Assignment:
Below is a listing. Write out exactly its lines between the one holding "#62=IFCINDEXEDPOLYGONALFACE((3,4,8,7));" and the one holding "#65=IFCPOLYGONALFACESET(#64,$,(#58,#59,#60,#61,#62,#63),$);", inclusive.

***

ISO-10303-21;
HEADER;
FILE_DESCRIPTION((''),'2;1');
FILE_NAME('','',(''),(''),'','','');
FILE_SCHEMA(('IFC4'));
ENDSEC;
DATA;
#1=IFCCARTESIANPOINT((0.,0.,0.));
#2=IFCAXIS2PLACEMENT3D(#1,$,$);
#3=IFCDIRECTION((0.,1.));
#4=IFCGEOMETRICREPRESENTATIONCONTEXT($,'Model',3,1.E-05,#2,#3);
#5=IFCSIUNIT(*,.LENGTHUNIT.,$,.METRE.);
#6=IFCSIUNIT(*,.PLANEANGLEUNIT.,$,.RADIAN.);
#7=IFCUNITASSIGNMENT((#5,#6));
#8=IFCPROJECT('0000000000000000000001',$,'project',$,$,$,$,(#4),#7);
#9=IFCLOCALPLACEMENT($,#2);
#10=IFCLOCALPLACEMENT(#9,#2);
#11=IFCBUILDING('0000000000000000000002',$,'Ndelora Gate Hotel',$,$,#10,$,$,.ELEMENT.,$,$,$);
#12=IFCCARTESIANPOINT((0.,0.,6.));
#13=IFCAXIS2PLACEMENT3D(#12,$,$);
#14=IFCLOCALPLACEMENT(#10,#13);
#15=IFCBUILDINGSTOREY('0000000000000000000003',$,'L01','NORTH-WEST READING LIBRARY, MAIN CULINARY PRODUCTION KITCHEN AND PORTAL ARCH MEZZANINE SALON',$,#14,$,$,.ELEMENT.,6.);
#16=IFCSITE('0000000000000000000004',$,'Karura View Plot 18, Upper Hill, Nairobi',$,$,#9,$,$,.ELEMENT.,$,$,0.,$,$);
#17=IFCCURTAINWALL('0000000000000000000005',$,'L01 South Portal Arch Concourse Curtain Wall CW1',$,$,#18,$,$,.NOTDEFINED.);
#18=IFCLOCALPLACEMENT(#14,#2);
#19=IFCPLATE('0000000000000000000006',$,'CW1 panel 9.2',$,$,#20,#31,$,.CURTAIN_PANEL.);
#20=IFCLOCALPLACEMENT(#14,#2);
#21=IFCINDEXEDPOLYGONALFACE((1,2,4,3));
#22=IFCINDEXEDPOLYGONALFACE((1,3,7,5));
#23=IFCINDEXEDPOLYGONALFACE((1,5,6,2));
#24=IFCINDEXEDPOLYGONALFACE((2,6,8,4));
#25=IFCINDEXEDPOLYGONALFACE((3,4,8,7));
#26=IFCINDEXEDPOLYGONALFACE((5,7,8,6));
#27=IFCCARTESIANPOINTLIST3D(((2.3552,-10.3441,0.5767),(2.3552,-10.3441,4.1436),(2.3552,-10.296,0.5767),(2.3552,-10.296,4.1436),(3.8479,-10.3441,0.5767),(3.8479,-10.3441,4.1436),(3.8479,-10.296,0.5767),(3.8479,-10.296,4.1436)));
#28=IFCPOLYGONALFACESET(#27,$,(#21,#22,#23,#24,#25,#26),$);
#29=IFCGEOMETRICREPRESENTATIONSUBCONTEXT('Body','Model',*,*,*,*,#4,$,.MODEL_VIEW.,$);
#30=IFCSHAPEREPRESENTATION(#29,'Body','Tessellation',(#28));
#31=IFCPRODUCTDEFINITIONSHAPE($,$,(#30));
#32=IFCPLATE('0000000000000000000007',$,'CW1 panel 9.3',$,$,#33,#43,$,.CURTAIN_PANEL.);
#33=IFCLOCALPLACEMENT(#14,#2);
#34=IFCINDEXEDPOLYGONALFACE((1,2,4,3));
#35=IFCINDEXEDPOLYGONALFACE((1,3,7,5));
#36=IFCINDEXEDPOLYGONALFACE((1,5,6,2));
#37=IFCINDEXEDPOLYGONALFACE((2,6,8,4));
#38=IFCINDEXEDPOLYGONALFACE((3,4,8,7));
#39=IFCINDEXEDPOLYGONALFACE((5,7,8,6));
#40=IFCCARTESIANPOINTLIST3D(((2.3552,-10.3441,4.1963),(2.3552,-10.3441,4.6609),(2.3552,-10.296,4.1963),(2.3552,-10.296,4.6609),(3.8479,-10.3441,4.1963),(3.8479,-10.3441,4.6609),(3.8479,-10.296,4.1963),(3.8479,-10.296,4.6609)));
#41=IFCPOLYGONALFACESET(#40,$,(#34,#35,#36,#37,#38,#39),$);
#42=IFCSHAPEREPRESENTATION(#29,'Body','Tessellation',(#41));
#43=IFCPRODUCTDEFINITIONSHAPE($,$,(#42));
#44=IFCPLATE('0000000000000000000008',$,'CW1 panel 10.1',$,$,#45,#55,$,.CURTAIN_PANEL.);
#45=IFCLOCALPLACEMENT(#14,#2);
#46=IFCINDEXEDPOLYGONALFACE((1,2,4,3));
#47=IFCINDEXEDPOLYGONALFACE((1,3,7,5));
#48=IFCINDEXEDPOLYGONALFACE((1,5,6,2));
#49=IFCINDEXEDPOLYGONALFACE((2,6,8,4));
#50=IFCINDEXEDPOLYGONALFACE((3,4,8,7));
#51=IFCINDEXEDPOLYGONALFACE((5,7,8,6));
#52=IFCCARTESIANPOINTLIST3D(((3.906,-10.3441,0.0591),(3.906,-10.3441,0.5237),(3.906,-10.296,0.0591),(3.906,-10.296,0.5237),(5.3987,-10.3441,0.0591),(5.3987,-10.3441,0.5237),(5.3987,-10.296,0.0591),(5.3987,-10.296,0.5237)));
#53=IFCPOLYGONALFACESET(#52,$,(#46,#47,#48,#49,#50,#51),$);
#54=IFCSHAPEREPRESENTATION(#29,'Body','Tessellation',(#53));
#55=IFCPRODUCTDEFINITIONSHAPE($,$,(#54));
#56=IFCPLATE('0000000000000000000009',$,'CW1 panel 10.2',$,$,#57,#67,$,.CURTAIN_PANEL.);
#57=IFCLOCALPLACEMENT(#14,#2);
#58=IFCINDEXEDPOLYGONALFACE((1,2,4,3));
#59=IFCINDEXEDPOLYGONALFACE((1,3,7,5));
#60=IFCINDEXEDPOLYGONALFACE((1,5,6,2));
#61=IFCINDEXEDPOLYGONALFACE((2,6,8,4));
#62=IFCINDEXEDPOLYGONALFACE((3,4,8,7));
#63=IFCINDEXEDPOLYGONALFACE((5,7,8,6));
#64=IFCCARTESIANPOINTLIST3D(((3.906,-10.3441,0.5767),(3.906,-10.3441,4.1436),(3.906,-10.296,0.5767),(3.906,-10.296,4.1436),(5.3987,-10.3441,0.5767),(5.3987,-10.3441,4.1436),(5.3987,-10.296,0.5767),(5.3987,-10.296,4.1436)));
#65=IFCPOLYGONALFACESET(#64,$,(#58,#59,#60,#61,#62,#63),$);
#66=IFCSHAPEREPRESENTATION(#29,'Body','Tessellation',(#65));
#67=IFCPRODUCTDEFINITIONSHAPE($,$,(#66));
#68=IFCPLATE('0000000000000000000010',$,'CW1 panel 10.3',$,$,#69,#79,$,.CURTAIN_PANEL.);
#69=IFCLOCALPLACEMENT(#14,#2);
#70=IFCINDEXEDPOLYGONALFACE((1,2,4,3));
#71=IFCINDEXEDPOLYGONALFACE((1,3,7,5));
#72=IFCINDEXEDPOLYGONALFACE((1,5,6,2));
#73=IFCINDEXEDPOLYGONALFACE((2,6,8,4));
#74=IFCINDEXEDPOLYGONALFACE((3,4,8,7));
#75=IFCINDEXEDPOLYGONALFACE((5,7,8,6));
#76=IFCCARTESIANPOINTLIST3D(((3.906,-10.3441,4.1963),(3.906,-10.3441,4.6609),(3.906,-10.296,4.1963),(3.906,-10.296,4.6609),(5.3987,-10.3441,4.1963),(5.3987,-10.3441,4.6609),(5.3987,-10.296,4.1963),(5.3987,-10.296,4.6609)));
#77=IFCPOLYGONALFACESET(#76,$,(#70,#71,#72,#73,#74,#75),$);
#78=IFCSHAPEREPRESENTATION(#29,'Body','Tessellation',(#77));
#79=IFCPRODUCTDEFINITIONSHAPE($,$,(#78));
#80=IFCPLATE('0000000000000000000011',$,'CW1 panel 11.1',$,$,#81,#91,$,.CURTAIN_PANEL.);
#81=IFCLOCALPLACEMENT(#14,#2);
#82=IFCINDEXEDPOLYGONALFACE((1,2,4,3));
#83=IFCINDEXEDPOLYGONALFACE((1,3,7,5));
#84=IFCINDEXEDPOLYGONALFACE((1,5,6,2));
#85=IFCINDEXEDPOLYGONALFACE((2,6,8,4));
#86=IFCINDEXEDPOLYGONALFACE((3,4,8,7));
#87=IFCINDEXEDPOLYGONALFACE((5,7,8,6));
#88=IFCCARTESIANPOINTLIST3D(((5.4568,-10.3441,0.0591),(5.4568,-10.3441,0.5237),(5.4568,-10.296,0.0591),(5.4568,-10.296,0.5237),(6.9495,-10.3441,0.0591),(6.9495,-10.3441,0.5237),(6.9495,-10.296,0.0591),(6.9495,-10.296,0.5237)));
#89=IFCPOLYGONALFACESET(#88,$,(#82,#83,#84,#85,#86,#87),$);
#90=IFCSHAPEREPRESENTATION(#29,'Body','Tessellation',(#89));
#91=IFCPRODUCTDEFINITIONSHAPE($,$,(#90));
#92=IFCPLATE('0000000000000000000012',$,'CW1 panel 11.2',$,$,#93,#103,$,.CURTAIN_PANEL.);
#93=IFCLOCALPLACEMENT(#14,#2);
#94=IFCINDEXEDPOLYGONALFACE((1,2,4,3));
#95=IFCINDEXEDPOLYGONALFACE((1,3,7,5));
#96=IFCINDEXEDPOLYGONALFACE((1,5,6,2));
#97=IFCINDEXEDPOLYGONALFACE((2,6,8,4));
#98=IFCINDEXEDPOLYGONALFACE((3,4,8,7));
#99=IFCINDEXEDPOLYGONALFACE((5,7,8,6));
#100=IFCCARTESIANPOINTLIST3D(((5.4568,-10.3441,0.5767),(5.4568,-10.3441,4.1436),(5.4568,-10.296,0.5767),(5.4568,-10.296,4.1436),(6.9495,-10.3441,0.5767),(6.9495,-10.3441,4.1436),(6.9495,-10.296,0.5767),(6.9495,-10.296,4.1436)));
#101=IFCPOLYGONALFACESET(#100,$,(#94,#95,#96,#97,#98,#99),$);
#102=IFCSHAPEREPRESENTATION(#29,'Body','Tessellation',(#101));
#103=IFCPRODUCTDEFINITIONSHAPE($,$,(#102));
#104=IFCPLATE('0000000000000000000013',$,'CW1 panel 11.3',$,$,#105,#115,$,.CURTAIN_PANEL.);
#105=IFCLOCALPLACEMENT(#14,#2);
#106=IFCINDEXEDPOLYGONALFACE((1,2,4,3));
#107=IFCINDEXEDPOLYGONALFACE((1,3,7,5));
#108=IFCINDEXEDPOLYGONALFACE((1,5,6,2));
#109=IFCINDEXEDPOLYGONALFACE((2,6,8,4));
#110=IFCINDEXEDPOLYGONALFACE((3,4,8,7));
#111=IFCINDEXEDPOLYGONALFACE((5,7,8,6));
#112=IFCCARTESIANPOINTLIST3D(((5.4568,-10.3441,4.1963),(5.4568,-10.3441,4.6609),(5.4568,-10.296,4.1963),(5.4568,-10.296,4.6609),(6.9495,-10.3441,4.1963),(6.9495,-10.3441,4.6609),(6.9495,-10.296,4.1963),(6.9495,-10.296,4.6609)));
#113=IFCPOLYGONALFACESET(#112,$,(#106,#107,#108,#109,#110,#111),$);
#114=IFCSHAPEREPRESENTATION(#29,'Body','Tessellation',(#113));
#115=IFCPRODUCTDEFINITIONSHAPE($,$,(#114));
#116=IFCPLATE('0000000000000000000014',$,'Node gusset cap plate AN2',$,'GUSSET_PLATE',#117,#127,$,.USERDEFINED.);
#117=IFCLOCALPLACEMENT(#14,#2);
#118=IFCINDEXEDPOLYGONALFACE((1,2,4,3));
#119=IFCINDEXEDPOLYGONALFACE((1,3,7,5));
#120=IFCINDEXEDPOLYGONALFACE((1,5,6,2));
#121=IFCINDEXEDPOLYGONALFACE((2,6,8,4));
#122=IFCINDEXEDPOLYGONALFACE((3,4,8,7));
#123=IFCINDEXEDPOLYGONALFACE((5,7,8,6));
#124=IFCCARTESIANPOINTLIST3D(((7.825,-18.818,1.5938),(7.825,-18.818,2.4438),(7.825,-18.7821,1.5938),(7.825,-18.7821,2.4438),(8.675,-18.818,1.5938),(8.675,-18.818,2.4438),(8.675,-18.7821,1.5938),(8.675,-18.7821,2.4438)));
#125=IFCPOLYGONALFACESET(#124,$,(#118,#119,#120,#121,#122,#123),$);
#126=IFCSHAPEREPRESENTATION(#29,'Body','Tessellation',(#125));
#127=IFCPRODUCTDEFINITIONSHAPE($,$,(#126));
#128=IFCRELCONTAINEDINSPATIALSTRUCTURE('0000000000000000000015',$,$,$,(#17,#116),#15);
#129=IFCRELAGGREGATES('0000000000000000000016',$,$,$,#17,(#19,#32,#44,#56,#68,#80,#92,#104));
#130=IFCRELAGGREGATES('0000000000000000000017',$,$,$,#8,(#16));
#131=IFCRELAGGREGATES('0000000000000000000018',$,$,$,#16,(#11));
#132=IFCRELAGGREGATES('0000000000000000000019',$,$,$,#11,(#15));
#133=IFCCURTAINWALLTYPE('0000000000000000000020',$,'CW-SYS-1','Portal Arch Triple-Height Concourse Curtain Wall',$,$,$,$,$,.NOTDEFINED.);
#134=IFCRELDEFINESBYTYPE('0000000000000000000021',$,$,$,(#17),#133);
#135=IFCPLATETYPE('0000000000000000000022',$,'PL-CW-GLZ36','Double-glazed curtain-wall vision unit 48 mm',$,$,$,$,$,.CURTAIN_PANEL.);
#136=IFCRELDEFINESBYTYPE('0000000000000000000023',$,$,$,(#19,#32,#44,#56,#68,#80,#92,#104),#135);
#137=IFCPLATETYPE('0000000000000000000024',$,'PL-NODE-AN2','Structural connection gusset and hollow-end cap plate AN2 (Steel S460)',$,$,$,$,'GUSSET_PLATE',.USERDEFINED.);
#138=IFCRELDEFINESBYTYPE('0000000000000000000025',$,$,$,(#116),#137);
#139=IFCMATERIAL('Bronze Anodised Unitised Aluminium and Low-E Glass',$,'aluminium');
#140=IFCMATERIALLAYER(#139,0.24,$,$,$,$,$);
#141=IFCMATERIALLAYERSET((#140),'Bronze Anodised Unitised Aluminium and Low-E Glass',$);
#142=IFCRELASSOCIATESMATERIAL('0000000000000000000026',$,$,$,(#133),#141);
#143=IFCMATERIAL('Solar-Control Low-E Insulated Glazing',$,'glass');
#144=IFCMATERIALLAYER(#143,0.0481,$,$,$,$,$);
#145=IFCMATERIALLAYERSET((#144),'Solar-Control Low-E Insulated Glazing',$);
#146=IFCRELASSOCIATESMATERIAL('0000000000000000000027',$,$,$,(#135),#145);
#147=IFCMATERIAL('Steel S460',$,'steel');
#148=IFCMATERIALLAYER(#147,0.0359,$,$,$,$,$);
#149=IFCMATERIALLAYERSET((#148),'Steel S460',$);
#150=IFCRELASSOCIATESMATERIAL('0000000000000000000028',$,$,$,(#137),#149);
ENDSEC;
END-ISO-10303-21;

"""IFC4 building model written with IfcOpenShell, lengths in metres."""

from ifc_helpers import new_model, si_unit, direction, frame, origin, origin_2d, place, context, subcontext, project, spatial, rectangle, extrude, material, layer, layer_set, type_object, element, aggregate, save


model = new_model("IFC4")

# Units and contexts
model_context = context("Model", 3, precision=1e-05, world=origin(), true_north=direction((0.0, 1.0)))
body_context = subcontext(model_context, "Body", "Model", "MODEL_VIEW")
ifc_project = project(units=[si_unit("LENGTHUNIT", "METRE"), si_unit("PLANEANGLEUNIT", "RADIAN")], contexts=[model_context])

# Site, building, storey
site_placement = place(None, origin())
site = spatial("IfcSite", under=ifc_project, at=site_placement, Name="Karura View Plot 18, Upper Hill, Nairobi", CompositionType="ELEMENT", RefElevation=0.0)
building_placement = place(site_placement, origin())
building = spatial("IfcBuilding", under=site, at=building_placement, Name="Ndelora Gate Hotel", CompositionType="ELEMENT")
storey_placement = place(building_placement, frame((0.0, 0.0, 6.0)))
storey = spatial("IfcBuildingStorey", under=building, at=storey_placement, Name="L01", Description="NORTH-WEST READING LIBRARY, MAIN CULINARY PRODUCTION KITCHEN AND PORTAL ARCH MEZZANINE SALON", CompositionType="ELEMENT", Elevation=6.0)

# Shared definitions
ifc_material_1 = material(Name="Steel S460", Category="steel")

***

Result:
#62=IFCINDEXEDPOLYGONALFACE((3,4,8,7));
#63=IFCINDEXEDPOLYGONALFACE((5,7,8,6));
#64=IFCCARTESIANPOINTLIST3D(((3.906,-10.3441,0.5767),(3.906,-10.3441,4.1436),(3.906,-10.296,0.5767),(3.906,-10.296,4.1436),(5.3987,-10.3441,0.5767),(5.3987,-10.3441,4.1436),(5.3987,-10.296,0.5767),(5.3987,-10.296,4.1436)));
#65=IFCPOLYGONALFACESET(#64,$,(#58,#59,#60,#61,#62,#63),$);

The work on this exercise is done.